■ **Goal of the exercise**: Return every line below exactly.

■ **Stored data**:
※

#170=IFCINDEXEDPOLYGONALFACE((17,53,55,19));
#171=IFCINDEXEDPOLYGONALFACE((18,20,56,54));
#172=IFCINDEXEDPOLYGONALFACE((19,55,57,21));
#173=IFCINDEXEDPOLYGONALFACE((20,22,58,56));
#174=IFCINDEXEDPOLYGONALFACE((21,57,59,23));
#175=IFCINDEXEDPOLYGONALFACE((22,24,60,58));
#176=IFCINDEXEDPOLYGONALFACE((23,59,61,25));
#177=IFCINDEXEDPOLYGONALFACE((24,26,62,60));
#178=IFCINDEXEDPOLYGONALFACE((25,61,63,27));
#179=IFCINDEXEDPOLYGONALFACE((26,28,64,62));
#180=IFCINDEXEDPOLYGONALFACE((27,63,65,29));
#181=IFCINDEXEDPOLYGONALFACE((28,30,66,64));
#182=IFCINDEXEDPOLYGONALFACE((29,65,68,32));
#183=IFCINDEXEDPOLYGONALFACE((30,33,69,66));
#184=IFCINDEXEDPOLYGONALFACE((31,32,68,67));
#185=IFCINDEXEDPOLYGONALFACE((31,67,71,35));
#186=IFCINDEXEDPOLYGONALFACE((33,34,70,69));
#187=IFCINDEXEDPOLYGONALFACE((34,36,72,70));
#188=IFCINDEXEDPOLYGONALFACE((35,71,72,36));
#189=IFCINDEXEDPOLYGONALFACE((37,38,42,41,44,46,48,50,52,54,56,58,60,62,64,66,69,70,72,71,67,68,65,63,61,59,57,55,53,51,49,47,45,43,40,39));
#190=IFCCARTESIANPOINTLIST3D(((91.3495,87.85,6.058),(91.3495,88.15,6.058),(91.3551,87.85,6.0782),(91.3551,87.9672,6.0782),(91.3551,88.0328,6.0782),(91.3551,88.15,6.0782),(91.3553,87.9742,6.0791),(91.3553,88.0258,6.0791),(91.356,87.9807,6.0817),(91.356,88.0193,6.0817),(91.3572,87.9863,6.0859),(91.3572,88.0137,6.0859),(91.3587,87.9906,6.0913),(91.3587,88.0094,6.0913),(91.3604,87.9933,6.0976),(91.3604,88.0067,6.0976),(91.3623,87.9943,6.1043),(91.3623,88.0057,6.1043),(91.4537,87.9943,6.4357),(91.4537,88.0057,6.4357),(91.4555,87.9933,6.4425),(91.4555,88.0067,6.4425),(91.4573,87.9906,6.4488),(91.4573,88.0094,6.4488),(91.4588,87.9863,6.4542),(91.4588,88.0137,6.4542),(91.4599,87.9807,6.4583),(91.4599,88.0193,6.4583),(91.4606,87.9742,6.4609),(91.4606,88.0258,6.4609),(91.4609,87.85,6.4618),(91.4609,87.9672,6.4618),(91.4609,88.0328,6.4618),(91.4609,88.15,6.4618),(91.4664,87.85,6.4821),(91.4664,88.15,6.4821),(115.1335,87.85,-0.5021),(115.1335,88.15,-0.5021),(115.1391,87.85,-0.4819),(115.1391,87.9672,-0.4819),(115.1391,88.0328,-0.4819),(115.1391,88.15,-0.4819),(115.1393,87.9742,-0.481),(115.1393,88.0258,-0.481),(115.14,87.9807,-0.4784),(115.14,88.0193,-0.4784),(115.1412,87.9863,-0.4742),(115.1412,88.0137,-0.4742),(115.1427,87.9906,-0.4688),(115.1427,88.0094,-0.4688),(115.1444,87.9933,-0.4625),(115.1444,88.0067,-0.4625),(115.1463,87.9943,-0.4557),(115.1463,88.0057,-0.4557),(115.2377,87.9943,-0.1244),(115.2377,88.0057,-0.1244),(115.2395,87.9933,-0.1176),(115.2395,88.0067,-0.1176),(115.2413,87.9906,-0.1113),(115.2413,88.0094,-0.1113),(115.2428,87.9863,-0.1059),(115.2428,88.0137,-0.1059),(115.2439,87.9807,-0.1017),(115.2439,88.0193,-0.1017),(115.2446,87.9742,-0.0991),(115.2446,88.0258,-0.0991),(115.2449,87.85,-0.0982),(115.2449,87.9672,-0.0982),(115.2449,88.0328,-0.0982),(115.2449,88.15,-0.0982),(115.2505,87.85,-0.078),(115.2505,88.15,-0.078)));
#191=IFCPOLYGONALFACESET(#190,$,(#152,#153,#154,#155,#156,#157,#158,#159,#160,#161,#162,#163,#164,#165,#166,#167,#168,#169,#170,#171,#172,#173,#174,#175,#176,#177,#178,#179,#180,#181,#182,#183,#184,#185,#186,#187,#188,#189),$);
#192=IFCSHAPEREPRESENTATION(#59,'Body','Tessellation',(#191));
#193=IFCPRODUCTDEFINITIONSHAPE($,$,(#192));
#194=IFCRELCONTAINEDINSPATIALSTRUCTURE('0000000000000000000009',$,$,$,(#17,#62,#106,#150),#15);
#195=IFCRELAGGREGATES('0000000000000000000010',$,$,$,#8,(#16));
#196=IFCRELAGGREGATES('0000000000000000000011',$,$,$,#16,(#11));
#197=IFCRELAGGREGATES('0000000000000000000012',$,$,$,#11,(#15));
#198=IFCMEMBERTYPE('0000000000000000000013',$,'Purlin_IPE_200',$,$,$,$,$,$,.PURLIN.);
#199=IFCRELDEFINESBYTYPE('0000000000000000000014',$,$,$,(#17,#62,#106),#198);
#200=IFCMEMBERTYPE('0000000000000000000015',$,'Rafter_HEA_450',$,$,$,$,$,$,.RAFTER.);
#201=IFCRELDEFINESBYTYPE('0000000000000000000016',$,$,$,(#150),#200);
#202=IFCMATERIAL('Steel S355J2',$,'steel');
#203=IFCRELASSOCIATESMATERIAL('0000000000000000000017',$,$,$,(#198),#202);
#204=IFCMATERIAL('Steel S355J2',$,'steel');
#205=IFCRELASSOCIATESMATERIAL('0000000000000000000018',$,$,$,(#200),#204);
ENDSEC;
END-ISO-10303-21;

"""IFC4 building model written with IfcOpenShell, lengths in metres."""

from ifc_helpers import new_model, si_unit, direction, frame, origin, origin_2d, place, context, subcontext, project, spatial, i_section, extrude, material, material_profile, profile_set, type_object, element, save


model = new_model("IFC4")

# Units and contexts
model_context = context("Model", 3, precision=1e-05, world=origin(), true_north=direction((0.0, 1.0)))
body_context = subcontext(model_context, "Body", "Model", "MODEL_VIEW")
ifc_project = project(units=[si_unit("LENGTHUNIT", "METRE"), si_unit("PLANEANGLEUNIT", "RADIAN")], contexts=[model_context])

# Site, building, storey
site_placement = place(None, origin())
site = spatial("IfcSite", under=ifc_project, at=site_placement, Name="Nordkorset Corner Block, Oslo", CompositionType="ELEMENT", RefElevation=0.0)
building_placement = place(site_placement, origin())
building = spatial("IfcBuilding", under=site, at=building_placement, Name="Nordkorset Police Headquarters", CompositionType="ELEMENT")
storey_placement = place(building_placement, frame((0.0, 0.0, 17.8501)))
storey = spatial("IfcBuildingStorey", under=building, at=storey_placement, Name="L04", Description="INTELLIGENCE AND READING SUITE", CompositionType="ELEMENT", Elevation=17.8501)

※

■ **Response area**:
#170=IFCINDEXEDPOLYGONALFACE((17,53,55,19));
#171=IFCINDEXEDPOLYGONALFACE((18,20,56,54));
#172=IFCINDEXEDPOLYGONALFACE((19,55,57,21));
#173=IFCINDEXEDPOLYGONALFACE((20,22,58,56));
#174=IFCINDEXEDPOLYGONALFACE((21,57,59,23));
#175=IFCINDEXEDPOLYGONALFACE((22,24,60,58));
#176=IFCINDEXEDPOLYGONALFACE((23,59,61,25));
#177=IFCINDEXEDPOLYGONALFACE((24,26,62,60));
#178=IFCINDEXEDPOLYGONALFACE((25,61,63,27));
#179=IFCINDEXEDPOLYGONALFACE((26,28,64,62));
#180=IFCINDEXEDPOLYGONALFACE((27,63,65,29));
#181=IFCINDEXEDPOLYGONALFACE((28,30,66,64));
#182=IFCINDEXEDPOLYGONALFACE((29,65,68,32));
#183=IFCINDEXEDPOLYGONALFACE((30,33,69,66));
#184=IFCINDEXEDPOLYGONALFACE((31,32,68,67));
#185=IFCINDEXEDPOLYGONALFACE((31,67,71,35));
#186=IFCINDEXEDPOLYGONALFACE((33,34,70,69));
#187=IFCINDEXEDPOLYGONALFACE((34,36,72,70));
#188=IFCINDEXEDPOLYGONALFACE((35,71,72,36));
#189=IFCINDEXEDPOLYGONALFACE((37,38,42,41,44,46,48,50,52,54,56,58,60,62,64,66,69,70,72,71,67,68,65,63,61,59,57,55,53,51,49,47,45,43,40,39));
#190=IFCCARTESIANPOINTLIST3D(((91.3495,87.85,6.058),(91.3495,88.15,6.058),(91.3551,87.85,6.0782),(91.3551,87.9672,6.0782),(91.3551,88.0328,6.0782),(91.3551,88.15,6.0782),(91.3553,87.9742,6.0791),(91.3553,88.0258,6.0791),(91.356,87.9807,6.0817),(91.356,88.0193,6.0817),(91.3572,87.9863,6.0859),(91.3572,88.0137,6.0859),(91.3587,87.9906,6.0913),(91.3587,88.0094,6.0913),(91.3604,87.9933,6.0976),(91.3604,88.0067,6.0976),(91.3623,87.9943,6.1043),(91.3623,88.0057,6.1043),(91.4537,87.9943,6.4357),(91.4537,88.0057,6.4357),(91.4555,87.9933,6.4425),(91.4555,88.0067,6.4425),(91.4573,87.9906,6.4488),(91.4573,88.0094,6.4488),(91.4588,87.9863,6.4542),(91.4588,88.0137,6.4542),(91.4599,87.9807,6.4583),(91.4599,88.0193,6.4583),(91.4606,87.9742,6.4609),(91.4606,88.0258,6.4609),(91.4609,87.85,6.4618),(91.4609,87.9672,6.4618),(91.4609,88.0328,6.4618),(91.4609,88.15,6.4618),(91.4664,87.85,6.4821),(91.4664,88.15,6.4821),(115.1335,87.85,-0.5021),(115.1335,88.15,-0.5021),(115.1391,87.85,-0.4819),(115.1391,87.9672,-0.4819),(115.1391,88.0328,-0.4819),(115.1391,88.15,-0.4819),(115.1393,87.9742,-0.481),(115.1393,88.0258,-0.481),(115.14,87.9807,-0.4784),(115.14,88.0193,-0.4784),(115.1412,87.9863,-0.4742),(115.1412,88.0137,-0.4742),(115.1427,87.9906,-0.4688),(115.1427,88.0094,-0.4688),(115.1444,87.9933,-0.4625),(115.1444,88.0067,-0.4625),(115.1463,87.9943,-0.4557),(115.1463,88.0057,-0.4557),(115.2377,87.9943,-0.1244),(115.2377,88.0057,-0.1244),(115.2395,87.9933,-0.1176),(115.2395,88.0067,-0.1176),(115.2413,87.9906,-0.1113),(115.2413,88.0094,-0.1113),(115.2428,87.9863,-0.1059),(115.2428,88.0137,-0.1059),(115.2439,87.9807,-0.1017),(115.2439,88.0193,-0.1017),(115.2446,87.9742,-0.0991),(115.2446,88.0258,-0.0991),(115.2449,87.85,-0.0982),(115.2449,87.9672,-0.0982),(115.2449,88.0328,-0.0982),(115.2449,88.15,-0.0982),(115.2505,87.85,-0.078),(115.2505,88.15,-0.078)));
#191=IFCPOLYGONALFACESET(#190,$,(#152,#153,#154,#155,#156,#157,#158,#159,#160,#161,#162,#163,#164,#165,#166,#167,#168,#169,#170,#171,#172,#173,#174,#175,#176,#177,#178,#179,#180,#181,#182,#183,#184,#185,#186,#187,#188,#189),$);
#192=IFCSHAPEREPRESENTATION(#59,'Body','Tessellation',(#191));
#193=IFCPRODUCTDEFINITIONSHAPE($,$,(#192));
#194=IFCRELCONTAINEDINSPATIALSTRUCTURE('0000000000000000000009',$,$,$,(#17,#62,#106,#150),#15);
#195=IFCRELAGGREGATES('0000000000000000000010',$,$,$,#8,(#16));
#196=IFCRELAGGREGATES('0000000000000000000011',$,$,$,#16,(#11));
#197=IFCRELAGGREGATES('0000000000000000000012',$,$,$,#11,(#15));
#198=IFCMEMBERTYPE('0000000000000000000013',$,'Purlin_IPE_200',$,$,$,$,$,$,.PURLIN.);
#199=IFCRELDEFINESBYTYPE('0000000000000000000014',$,$,$,(#17,#62,#106),#198);
#200=IFCMEMBERTYPE('0000000000000000000015',$,'Rafter_HEA_450',$,$,$,$,$,$,.RAFTER.);
#201=IFCRELDEFINESBYTYPE('0000000000000000000016',$,$,$,(#150),#200);
#202=IFCMATERIAL('Steel S355J2',$,'steel');
#203=IFCRELASSOCIATESMATERIAL('0000000000000000000017',$,$,$,(#198),#202);
#204=IFCMATERIAL('Steel S355J2',$,'steel');
#205=IFCRELASSOCIATESMATERIAL('0000000000000000000018',$,$,$,(#200),#204);
ENDSEC;
END-ISO-10303-21;

"""IFC4 building model written with IfcOpenShell, lengths in metres."""

from ifc_helpers import new_model, si_unit, direction, frame, origin, origin_2d, place, context, subcontext, project, spatial, i_section, extrude, material, material_profile, profile_set, type_object, element, save


model = new_model("IFC4")

# Units and contexts
model_context = context("Model", 3, precision=1e-05, world=origin(), true_north=direction((0.0, 1.0)))
body_context = subcontext(model_context, "Body", "Model", "MODEL_VIEW")
ifc_project = project(units=[si_unit("LENGTHUNIT", "METRE"), si_unit("PLANEANGLEUNIT", "RADIAN")], contexts=[model_context])

# Site, building, storey
site_placement = place(None, origin())
site = spatial("IfcSite", under=ifc_project, at=site_placement, Name="Nordkorset Corner Block, Oslo", CompositionType="ELEMENT", RefElevation=0.0)
building_placement = place(site_placement, origin())
building = spatial("IfcBuilding", under=site, at=building_placement, Name="Nordkorset Police Headquarters", CompositionType="ELEMENT")
storey_placement = place(building_placement, frame((0.0, 0.0, 17.8501)))
storey = spatial("IfcBuildingStorey", under=building, at=storey_placement, Name="L04", Description="INTELLIGENCE AND READING SUITE", CompositionType="ELEMENT", Elevation=17.8501)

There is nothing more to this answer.